Saved entries:
------------

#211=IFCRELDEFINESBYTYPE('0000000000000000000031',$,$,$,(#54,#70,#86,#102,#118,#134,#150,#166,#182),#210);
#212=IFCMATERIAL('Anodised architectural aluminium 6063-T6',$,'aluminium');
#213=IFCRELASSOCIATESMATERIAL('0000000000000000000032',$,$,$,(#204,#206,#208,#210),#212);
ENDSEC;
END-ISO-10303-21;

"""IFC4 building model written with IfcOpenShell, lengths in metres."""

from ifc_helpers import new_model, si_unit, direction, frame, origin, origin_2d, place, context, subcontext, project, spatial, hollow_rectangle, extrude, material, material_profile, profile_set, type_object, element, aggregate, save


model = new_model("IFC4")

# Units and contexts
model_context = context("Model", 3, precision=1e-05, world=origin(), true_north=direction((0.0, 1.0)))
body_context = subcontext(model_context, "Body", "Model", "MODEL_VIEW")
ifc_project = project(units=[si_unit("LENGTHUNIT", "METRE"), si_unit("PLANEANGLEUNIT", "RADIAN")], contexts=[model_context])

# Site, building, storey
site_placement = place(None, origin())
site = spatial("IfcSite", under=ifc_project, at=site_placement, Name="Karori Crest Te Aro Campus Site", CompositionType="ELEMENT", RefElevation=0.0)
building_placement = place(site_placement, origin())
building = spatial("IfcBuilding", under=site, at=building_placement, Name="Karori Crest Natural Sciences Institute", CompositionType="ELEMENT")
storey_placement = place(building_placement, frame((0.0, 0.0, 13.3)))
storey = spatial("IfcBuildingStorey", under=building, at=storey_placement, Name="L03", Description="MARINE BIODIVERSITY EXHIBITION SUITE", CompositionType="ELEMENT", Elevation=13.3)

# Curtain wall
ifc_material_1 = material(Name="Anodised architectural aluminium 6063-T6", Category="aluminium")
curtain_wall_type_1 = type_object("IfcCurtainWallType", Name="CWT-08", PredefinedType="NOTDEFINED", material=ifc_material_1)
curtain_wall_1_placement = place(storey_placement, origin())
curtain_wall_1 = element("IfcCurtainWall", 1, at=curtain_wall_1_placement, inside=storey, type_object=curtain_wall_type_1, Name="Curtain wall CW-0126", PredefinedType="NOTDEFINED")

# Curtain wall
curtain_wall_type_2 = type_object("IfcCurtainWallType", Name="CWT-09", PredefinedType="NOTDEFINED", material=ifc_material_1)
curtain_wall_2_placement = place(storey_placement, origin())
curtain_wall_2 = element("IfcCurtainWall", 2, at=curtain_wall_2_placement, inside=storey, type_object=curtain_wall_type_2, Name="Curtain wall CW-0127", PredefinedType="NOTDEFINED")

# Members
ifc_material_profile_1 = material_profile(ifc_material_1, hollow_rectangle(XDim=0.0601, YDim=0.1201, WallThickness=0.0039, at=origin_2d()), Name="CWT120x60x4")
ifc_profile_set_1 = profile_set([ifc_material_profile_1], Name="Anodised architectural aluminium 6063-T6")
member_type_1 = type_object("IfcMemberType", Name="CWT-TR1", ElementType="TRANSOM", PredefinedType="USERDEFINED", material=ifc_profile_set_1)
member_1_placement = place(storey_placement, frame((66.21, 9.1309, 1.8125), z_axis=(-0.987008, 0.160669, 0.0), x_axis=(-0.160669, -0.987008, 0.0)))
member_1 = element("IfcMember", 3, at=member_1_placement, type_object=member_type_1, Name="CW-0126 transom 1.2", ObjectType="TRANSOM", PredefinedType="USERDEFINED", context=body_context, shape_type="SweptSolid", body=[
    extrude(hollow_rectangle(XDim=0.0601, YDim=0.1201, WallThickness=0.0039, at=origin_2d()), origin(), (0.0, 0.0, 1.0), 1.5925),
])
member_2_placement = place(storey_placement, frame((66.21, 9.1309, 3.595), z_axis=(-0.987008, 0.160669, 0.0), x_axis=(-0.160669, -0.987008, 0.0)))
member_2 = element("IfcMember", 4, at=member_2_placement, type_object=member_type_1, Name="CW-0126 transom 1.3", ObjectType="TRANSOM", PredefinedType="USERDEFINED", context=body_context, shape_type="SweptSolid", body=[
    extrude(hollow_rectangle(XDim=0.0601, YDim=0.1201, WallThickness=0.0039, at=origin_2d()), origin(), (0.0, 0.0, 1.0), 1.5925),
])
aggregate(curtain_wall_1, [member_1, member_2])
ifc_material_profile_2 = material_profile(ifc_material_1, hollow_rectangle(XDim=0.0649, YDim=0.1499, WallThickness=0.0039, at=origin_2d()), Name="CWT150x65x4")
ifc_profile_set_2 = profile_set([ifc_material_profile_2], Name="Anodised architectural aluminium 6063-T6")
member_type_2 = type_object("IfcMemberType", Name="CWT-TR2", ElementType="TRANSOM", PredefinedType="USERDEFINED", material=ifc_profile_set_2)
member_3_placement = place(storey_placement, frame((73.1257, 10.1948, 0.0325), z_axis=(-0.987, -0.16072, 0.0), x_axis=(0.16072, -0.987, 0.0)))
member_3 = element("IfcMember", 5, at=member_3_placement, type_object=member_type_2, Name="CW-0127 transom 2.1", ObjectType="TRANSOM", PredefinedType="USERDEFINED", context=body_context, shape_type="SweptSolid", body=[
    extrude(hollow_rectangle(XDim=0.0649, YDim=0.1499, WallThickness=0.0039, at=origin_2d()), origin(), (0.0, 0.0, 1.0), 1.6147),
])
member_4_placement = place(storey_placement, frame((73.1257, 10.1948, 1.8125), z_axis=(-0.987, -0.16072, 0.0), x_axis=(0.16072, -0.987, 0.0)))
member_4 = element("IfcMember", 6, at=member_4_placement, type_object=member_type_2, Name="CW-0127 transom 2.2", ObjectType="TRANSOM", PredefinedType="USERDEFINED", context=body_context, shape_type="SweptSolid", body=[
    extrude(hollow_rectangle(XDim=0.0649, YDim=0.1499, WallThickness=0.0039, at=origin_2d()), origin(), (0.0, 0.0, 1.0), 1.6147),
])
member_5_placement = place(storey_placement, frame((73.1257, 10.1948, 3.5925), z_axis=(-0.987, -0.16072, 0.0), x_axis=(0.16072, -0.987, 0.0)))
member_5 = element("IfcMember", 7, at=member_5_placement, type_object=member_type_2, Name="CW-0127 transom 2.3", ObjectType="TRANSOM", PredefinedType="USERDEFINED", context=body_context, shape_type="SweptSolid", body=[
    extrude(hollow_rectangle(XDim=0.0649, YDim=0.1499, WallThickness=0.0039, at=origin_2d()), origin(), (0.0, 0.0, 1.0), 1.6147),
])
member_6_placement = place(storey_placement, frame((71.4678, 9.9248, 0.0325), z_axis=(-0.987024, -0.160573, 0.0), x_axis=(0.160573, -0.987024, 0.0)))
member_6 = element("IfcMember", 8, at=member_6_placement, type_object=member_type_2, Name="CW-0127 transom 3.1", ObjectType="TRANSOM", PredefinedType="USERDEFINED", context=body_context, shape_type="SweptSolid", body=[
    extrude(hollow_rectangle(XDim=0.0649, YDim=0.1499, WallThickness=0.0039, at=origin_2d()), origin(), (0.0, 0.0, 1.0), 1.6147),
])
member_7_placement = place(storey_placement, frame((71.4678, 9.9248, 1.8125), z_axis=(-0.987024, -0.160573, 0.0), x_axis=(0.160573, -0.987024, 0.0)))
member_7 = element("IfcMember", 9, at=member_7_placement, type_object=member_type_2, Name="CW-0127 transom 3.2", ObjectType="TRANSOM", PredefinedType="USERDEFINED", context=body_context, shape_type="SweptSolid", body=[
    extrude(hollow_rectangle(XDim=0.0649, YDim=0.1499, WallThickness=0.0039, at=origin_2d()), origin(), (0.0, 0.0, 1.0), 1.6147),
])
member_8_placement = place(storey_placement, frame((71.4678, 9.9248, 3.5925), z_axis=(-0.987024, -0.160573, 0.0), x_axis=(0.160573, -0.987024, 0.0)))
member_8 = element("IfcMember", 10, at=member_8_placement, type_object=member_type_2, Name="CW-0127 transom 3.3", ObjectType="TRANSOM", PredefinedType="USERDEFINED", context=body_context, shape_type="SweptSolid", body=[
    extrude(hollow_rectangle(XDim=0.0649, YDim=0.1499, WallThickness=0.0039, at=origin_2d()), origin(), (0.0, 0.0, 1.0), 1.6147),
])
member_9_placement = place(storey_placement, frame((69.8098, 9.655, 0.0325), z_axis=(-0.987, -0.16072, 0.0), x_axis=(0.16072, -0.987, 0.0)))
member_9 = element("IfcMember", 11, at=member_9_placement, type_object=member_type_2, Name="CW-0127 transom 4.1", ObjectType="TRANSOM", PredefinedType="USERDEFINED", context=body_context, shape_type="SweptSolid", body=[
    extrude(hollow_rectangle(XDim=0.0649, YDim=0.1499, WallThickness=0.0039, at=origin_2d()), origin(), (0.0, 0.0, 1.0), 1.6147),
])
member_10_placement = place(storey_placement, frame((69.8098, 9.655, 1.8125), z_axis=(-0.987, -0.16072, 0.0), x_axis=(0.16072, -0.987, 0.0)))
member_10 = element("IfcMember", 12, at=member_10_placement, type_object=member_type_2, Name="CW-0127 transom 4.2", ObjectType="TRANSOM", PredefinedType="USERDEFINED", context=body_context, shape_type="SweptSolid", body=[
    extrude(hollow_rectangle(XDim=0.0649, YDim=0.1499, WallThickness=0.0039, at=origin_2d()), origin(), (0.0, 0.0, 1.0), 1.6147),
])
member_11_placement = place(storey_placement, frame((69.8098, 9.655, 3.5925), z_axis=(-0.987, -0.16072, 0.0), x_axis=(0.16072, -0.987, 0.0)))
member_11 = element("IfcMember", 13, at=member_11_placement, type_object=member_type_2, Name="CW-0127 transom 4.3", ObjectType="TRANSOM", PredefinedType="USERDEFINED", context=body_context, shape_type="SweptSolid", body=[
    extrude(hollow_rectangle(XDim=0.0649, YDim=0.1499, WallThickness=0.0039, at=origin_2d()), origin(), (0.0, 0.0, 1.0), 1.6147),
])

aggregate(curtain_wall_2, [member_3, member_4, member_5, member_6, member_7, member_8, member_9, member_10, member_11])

------------

Work to complete: Only the lines from the beginning of the entries through the line bearing "building model written" should be returned, each exactly as written.

Task response:
#211=IFCRELDEFINESBYTYPE('0000000000000000000031',$,$,$,(#54,#70,#86,#102,#118,#134,#150,#166,#182),#210);
#212=IFCMATERIAL('Anodised architectural aluminium 6063-T6',$,'aluminium');
#213=IFCRELASSOCIATESMATERIAL('0000000000000000000032',$,$,$,(#204,#206,#208,#210),#212);
ENDSEC;
END-ISO-10303-21;

"""IFC4 building model written with IfcOpenShell, lengths in metres."""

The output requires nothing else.